**WORK TO BE COMPLETED**
Reproduce the line containing "# Site, building, storey" in the listing below, then every later line up to the end, precisely as written.

*** Opening of TASK MATERIAL ***

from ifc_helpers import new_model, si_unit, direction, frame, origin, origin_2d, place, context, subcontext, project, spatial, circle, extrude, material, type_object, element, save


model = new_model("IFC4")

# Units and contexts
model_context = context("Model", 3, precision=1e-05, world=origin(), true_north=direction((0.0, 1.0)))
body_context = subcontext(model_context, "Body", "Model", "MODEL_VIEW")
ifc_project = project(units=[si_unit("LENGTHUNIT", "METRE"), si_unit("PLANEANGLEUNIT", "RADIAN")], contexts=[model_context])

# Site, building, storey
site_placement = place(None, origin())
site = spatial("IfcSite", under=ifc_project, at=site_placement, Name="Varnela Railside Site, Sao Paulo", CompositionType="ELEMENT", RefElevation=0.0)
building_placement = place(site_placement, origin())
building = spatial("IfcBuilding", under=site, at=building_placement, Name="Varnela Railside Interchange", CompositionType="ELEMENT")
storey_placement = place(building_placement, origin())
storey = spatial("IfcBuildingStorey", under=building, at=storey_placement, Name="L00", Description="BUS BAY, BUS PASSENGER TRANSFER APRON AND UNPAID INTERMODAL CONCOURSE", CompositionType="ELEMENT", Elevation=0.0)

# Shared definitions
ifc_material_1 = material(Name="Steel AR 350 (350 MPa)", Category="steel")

*** Close of TASK MATERIAL ***

**WRITTEN RESPONSE**
# Site, building, storey
site_placement = place(None, origin())
site = spatial("IfcSite", under=ifc_project, at=site_placement, Name="Varnela Railside Site, Sao Paulo", CompositionType="ELEMENT", RefElevation=0.0)
building_placement = place(site_placement, origin())
building = spatial("IfcBuilding", under=site, at=building_placement, Name="Varnela Railside Interchange", CompositionType="ELEMENT")
storey_placement = place(building_placement, origin())
storey = spatial("IfcBuildingStorey", under=building, at=storey_placement, Name="L00", Description="BUS BAY, BUS PASSENGER TRANSFER APRON AND UNPAID INTERMODAL CONCOURSE", CompositionType="ELEMENT", Elevation=0.0)

# Shared definitions
ifc_material_1 = material(Name="Steel AR 350 (350 MPa)", Category="steel")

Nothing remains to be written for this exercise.